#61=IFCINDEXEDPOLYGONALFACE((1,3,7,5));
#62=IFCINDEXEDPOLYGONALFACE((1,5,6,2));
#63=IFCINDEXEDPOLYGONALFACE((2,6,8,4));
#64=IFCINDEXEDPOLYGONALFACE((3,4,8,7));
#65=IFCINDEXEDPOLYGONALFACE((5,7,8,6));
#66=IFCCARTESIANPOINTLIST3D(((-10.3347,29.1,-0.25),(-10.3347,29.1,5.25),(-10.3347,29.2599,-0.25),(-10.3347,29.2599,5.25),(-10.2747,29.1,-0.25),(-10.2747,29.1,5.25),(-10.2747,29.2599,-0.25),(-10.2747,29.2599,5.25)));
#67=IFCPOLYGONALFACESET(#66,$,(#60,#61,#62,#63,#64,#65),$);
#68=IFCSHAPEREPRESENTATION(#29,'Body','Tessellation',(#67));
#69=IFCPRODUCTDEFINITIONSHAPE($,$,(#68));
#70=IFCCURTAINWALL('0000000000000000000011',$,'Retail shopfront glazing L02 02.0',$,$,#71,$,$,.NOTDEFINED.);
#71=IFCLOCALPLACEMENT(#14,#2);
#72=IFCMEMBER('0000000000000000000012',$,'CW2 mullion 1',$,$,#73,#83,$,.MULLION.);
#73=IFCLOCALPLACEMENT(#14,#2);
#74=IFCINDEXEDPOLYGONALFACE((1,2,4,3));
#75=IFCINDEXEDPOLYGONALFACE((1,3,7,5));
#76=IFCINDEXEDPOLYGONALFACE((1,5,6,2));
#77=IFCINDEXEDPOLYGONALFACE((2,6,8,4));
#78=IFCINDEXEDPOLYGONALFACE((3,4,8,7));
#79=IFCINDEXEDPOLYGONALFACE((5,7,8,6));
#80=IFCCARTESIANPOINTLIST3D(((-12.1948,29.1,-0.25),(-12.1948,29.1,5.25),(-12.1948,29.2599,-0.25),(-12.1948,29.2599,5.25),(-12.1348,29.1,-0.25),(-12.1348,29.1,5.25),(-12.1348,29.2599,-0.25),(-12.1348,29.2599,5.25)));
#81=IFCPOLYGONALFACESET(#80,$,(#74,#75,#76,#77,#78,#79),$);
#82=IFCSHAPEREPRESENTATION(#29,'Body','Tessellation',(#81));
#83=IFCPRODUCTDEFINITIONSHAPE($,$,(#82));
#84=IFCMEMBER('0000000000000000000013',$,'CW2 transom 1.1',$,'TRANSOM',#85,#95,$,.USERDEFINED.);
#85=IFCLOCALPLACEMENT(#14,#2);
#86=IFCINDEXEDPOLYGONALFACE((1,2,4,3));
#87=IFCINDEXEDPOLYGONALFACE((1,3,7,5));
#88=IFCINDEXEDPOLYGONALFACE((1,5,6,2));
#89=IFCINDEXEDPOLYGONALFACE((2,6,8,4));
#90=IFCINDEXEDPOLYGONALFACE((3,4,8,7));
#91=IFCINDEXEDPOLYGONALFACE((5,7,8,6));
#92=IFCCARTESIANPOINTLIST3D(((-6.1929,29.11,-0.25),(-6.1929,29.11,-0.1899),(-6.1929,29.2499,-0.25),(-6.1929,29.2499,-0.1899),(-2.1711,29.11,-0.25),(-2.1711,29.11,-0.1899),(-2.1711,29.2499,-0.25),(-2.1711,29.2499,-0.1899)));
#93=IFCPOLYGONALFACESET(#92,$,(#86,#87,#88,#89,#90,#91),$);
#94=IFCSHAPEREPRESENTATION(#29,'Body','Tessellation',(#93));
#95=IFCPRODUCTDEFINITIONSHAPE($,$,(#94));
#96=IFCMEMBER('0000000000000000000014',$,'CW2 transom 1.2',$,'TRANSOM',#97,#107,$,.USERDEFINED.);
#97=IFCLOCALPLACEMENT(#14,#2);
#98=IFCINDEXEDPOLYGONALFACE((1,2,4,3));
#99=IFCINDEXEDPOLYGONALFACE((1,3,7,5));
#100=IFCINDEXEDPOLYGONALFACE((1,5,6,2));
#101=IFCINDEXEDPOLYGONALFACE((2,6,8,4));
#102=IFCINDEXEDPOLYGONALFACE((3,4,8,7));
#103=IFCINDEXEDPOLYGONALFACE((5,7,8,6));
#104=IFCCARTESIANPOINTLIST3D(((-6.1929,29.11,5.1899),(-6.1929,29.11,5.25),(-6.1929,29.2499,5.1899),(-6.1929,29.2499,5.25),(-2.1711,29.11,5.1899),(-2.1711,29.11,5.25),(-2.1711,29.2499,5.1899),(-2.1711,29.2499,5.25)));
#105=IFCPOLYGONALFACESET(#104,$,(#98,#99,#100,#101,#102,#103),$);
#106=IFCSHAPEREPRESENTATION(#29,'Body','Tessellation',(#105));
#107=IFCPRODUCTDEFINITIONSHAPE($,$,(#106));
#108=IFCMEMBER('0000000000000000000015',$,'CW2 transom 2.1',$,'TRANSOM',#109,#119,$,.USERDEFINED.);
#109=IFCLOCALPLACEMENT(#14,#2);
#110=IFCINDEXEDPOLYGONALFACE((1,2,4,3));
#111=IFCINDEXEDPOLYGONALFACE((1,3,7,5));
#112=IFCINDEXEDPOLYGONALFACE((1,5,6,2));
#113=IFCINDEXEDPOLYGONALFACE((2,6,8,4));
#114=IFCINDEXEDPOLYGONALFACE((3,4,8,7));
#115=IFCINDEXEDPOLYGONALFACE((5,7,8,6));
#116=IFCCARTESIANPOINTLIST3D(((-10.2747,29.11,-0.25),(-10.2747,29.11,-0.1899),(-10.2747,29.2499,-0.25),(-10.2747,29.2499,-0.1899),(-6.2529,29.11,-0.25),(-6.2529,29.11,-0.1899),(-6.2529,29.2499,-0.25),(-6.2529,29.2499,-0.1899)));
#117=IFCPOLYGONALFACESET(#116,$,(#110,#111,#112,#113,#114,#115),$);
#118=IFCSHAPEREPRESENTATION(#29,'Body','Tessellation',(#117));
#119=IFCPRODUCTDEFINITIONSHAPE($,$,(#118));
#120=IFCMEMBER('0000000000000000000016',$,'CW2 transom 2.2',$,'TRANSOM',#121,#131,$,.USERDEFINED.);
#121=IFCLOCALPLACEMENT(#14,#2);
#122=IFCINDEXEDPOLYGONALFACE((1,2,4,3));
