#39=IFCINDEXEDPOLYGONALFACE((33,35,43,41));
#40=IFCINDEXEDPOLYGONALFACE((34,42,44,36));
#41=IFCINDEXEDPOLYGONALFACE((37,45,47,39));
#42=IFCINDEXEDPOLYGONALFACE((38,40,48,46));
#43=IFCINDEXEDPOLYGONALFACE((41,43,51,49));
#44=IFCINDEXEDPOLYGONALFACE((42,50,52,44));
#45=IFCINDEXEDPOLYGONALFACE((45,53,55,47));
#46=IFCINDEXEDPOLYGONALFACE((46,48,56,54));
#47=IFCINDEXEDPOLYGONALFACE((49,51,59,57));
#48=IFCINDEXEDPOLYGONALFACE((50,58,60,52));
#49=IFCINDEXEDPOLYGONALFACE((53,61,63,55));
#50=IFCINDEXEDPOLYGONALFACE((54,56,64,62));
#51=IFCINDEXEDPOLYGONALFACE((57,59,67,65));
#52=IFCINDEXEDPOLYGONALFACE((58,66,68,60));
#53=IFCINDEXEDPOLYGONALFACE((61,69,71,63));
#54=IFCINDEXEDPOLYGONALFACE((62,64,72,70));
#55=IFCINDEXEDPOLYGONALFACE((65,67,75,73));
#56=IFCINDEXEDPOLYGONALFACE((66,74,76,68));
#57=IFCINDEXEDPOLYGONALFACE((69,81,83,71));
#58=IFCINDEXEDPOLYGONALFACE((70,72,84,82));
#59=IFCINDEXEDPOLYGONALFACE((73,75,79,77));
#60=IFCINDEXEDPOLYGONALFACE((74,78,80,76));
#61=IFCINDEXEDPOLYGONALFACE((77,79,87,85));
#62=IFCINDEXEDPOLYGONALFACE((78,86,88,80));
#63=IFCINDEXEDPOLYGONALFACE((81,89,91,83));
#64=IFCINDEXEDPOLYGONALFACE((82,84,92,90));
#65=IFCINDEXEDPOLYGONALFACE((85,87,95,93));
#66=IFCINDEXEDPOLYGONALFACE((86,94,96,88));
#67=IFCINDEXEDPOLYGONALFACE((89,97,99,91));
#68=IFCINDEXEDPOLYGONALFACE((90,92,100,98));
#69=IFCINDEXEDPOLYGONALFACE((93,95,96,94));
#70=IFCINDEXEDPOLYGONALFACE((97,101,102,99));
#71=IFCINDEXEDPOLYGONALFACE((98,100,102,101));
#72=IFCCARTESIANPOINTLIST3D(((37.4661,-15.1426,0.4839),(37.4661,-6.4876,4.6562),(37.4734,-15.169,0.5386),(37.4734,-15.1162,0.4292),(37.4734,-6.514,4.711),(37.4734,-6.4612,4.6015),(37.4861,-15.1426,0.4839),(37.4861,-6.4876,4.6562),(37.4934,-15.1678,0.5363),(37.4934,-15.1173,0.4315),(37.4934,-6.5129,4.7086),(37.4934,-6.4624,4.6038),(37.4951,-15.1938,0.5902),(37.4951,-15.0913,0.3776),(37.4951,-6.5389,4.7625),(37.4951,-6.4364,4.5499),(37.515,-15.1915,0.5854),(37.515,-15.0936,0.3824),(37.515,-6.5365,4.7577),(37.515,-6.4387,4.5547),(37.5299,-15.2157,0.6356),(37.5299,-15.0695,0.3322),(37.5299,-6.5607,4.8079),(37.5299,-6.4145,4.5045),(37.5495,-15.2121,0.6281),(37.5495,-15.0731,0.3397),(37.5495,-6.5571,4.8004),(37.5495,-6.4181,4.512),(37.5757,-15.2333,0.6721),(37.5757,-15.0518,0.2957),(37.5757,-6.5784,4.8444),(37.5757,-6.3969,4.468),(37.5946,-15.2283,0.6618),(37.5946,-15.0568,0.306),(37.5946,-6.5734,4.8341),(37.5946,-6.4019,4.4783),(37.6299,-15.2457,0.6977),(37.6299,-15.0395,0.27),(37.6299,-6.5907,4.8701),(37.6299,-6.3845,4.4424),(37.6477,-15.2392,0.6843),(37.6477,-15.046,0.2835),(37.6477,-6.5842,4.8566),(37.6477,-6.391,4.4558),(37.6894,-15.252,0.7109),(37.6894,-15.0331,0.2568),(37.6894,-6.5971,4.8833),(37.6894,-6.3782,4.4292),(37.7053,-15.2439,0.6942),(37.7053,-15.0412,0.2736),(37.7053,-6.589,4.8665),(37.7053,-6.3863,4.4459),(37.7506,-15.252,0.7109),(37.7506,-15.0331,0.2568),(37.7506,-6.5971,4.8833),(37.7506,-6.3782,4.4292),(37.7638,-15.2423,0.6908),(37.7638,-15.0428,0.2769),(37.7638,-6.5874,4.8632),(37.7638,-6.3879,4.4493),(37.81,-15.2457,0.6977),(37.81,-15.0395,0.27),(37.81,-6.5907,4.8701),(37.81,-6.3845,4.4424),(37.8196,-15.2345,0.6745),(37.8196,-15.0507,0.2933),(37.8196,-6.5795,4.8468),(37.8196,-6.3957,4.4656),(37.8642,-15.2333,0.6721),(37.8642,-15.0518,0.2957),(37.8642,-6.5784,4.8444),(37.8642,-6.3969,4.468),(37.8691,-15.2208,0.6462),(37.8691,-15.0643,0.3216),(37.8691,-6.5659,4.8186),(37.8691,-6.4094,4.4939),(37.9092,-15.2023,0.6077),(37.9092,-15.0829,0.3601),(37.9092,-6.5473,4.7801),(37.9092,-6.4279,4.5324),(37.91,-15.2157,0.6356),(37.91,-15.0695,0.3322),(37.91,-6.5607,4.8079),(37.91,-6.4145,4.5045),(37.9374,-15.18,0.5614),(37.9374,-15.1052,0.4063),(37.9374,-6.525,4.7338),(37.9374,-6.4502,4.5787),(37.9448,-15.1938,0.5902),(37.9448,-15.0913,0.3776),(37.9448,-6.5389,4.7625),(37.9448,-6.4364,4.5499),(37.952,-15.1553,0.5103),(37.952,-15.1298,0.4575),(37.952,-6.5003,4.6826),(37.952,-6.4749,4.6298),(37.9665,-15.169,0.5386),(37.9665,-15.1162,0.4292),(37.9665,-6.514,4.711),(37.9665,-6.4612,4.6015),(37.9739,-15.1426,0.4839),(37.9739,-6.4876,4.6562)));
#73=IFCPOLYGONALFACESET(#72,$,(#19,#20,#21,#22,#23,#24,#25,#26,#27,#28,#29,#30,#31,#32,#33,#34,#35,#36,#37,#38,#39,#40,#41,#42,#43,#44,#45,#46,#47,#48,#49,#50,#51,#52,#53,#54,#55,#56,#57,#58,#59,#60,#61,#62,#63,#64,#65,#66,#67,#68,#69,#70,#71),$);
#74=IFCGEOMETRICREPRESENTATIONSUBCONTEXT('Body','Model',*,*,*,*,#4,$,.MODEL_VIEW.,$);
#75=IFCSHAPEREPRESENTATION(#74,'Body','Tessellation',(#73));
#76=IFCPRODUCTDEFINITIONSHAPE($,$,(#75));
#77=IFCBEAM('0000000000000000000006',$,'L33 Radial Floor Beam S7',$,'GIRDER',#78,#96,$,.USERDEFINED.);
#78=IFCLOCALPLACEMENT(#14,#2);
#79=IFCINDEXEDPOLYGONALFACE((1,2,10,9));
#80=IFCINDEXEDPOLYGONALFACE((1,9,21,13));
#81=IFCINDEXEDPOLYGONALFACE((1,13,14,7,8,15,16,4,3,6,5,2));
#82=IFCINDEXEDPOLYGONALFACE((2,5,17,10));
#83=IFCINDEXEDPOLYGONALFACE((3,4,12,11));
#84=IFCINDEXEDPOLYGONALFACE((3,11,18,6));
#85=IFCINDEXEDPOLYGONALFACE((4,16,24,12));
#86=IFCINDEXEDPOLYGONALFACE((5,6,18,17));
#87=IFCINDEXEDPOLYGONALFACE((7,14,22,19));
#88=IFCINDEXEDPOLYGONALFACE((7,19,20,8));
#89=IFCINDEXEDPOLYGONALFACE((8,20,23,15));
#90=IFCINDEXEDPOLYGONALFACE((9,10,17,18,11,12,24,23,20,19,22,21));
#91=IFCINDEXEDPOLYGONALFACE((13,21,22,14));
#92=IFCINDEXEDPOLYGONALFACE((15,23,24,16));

▶ [WHAT YOU SHOULD DO] I need every line of the material that includes "IFCMEMBER", so please copy them out.

▶ [SOLUTION TO THE PROBLEM]
#72=IFCMEMBER('0000000000000000000012',$,'CW2 mullion 1',$,$,#73,#83,$,.MULLION.);
#84=IFCMEMBER('0000000000000000000013',$,'CW2 transom 1.1',$,'TRANSOM',#85,#95,$,.USERDEFINED.);
#96=IFCMEMBER('0000000000000000000014',$,'CW2 transom 1.2',$,'TRANSOM',#97,#107,$,.USERDEFINED.);
#108=IFCMEMBER('0000000000000000000015',$,'CW2 transom 2.1',$,'TRANSOM',#109,#119,$,.USERDEFINED.);
#120=IFCMEMBER('0000000000000000000016',$,'CW2 transom 2.2',$,'TRANSOM',#121,#131,$,.USERDEFINED.);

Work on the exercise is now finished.